What needs to be done:
Among the entries below, please repeat exactly and only the lines from the line containing "#151=IFCINDEXEDPOLYGONALFACE((5,9,10,6));" to the line containing "#157=IFCINDEXEDPOLYGONALFACE((17,21,22,18));", both lines included.

--- Records shown ---

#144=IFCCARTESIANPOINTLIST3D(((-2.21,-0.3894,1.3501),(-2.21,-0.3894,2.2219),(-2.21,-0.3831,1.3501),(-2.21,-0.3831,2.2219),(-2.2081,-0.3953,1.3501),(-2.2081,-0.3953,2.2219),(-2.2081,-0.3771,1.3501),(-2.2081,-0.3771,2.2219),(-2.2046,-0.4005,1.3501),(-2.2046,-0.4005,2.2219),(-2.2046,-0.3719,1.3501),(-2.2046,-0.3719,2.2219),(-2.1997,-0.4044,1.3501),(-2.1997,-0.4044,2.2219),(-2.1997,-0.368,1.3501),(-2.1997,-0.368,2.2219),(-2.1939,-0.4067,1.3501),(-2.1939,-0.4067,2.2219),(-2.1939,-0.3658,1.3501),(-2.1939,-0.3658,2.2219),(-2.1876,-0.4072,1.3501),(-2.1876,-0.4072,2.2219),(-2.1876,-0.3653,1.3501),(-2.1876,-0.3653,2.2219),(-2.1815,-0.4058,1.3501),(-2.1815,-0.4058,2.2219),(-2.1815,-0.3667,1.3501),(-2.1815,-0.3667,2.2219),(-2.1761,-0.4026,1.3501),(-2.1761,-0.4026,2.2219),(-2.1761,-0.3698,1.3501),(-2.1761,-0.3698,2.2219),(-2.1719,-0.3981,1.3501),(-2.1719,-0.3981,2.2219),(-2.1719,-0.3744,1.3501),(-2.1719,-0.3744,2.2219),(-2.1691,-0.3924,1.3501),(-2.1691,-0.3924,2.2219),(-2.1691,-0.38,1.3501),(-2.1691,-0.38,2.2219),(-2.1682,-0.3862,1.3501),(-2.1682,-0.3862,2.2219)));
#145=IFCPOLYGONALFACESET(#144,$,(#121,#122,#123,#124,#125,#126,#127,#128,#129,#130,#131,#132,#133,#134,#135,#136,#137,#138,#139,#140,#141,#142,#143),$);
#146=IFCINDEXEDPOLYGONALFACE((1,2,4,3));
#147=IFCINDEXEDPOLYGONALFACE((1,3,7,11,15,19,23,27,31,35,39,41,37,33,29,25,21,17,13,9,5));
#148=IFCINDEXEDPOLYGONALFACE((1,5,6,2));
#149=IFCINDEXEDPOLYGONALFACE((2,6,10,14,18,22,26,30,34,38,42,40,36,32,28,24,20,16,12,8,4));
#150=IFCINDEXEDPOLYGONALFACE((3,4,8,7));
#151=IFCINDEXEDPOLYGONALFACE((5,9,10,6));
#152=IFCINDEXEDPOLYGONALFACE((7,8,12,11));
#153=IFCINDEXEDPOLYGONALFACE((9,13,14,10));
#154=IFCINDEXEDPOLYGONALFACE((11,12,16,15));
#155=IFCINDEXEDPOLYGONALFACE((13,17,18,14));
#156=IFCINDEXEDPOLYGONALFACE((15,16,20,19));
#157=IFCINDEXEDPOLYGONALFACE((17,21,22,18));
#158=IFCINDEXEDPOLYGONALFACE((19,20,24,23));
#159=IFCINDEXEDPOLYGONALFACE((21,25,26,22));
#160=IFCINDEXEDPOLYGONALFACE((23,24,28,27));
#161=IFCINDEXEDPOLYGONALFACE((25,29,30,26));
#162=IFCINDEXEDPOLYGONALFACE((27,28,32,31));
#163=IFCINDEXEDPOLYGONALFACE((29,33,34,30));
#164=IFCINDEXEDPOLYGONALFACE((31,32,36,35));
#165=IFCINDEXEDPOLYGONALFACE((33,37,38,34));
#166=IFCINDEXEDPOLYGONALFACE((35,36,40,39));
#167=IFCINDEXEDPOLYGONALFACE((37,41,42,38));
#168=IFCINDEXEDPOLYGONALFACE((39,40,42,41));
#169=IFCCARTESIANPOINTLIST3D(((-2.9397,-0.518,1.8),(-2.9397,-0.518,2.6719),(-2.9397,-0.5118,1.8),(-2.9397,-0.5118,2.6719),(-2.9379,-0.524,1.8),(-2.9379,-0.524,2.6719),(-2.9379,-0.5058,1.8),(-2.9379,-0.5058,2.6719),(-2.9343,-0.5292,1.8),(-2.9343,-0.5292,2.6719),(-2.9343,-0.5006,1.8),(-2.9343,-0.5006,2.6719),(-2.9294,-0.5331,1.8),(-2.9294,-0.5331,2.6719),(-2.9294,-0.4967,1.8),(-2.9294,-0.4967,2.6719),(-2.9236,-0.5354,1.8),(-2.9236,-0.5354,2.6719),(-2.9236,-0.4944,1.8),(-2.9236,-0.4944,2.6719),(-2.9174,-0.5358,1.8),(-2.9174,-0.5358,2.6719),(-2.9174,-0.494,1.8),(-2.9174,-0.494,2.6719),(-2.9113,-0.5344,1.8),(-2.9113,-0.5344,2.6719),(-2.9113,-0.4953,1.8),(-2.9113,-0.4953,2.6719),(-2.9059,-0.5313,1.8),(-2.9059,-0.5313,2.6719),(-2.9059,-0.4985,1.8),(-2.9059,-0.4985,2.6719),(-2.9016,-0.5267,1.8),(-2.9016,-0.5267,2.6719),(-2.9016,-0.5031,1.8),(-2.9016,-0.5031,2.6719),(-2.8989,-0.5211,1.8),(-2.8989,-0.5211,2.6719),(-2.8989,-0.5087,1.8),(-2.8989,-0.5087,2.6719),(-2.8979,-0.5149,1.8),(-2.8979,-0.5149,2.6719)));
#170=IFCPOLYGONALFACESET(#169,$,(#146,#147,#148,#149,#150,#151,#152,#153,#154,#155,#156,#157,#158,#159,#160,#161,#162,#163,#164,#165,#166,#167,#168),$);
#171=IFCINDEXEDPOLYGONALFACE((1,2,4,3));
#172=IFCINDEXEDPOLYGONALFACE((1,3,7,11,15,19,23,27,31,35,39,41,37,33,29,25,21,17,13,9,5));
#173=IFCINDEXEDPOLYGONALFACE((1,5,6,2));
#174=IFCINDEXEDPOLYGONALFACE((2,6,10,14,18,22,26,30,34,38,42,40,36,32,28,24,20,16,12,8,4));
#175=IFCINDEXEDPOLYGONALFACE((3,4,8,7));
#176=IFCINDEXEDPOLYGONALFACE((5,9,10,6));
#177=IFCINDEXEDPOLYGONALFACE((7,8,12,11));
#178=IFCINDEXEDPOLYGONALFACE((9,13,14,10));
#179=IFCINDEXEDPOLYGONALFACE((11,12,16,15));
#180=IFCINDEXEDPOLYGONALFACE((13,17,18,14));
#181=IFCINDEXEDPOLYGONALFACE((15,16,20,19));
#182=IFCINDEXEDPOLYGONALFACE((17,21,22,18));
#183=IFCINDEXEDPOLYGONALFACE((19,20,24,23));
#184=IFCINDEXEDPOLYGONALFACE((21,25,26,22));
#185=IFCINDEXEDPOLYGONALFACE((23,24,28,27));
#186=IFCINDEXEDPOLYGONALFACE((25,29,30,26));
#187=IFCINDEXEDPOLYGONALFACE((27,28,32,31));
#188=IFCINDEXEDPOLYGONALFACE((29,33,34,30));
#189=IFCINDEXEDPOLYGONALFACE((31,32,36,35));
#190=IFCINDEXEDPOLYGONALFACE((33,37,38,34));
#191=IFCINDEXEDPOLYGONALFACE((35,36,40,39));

---
--- Records shown ---

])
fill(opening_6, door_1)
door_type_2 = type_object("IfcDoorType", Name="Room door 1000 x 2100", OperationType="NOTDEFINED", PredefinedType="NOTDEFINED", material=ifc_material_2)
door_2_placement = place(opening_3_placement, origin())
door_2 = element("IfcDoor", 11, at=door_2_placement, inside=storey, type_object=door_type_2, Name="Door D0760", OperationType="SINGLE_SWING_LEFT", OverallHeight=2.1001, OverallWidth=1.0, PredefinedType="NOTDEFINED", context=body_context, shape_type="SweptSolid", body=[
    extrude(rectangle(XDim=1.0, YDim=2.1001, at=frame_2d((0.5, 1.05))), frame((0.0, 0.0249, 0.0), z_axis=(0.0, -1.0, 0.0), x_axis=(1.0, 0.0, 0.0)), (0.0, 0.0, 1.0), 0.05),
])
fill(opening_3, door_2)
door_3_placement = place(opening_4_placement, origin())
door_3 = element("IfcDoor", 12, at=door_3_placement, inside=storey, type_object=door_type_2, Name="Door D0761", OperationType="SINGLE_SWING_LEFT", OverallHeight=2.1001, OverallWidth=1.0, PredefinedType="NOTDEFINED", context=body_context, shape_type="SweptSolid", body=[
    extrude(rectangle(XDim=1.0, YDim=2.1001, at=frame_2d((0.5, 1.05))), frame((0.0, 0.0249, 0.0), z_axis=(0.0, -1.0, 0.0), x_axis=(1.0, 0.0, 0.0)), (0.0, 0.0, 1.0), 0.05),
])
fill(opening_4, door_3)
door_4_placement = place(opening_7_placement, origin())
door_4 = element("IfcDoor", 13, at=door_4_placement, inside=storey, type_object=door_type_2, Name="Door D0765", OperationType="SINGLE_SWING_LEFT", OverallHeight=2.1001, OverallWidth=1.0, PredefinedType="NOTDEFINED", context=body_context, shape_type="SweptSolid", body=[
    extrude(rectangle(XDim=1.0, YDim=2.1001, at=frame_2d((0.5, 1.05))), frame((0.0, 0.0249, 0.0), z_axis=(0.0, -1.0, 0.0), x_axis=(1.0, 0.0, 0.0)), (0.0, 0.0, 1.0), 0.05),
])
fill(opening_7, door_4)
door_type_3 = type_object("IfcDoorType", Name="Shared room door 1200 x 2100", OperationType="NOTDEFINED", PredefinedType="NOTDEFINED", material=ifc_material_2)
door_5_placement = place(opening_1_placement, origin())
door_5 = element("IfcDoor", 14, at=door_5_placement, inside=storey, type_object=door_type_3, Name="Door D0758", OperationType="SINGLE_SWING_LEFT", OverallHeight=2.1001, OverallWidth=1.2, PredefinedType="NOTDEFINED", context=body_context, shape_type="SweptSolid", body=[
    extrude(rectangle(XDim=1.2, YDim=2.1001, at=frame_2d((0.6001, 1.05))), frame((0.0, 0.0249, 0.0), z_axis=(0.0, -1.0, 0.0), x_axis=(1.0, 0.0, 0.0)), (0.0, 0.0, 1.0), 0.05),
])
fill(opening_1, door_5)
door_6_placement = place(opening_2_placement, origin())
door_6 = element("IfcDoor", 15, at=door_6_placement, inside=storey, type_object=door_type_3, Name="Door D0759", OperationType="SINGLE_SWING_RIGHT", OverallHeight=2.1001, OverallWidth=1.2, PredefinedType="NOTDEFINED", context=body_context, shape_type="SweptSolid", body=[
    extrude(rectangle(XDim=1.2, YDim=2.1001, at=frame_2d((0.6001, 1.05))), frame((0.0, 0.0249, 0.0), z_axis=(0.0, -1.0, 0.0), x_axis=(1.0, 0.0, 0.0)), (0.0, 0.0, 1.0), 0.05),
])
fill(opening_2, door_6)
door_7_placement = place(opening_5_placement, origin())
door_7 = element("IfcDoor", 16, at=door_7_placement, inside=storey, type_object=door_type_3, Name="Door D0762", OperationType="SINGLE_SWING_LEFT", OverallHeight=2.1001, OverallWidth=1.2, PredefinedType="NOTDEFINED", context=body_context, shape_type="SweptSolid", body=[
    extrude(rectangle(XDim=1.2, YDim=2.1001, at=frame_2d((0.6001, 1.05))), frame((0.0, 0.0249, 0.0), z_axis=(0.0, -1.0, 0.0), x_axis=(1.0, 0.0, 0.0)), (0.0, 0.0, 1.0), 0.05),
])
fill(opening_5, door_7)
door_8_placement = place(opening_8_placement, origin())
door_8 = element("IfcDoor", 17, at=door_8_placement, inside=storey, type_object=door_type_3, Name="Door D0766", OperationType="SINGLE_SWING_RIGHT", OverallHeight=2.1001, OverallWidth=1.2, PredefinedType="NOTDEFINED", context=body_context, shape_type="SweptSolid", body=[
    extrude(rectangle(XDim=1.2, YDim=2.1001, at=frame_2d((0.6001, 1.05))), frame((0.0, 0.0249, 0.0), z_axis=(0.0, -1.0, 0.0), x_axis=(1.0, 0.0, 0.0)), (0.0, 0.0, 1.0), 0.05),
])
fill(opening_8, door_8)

---

Written response:
#151=IFCINDEXEDPOLYGONALFACE((5,9,10,6));
#152=IFCINDEXEDPOLYGONALFACE((7,8,12,11));
#153=IFCINDEXEDPOLYGONALFACE((9,13,14,10));
#154=IFCINDEXEDPOLYGONALFACE((11,12,16,15));
#155=IFCINDEXEDPOLYGONALFACE((13,17,18,14));
#156=IFCINDEXEDPOLYGONALFACE((15,16,20,19));
#157=IFCINDEXEDPOLYGONALFACE((17,21,22,18));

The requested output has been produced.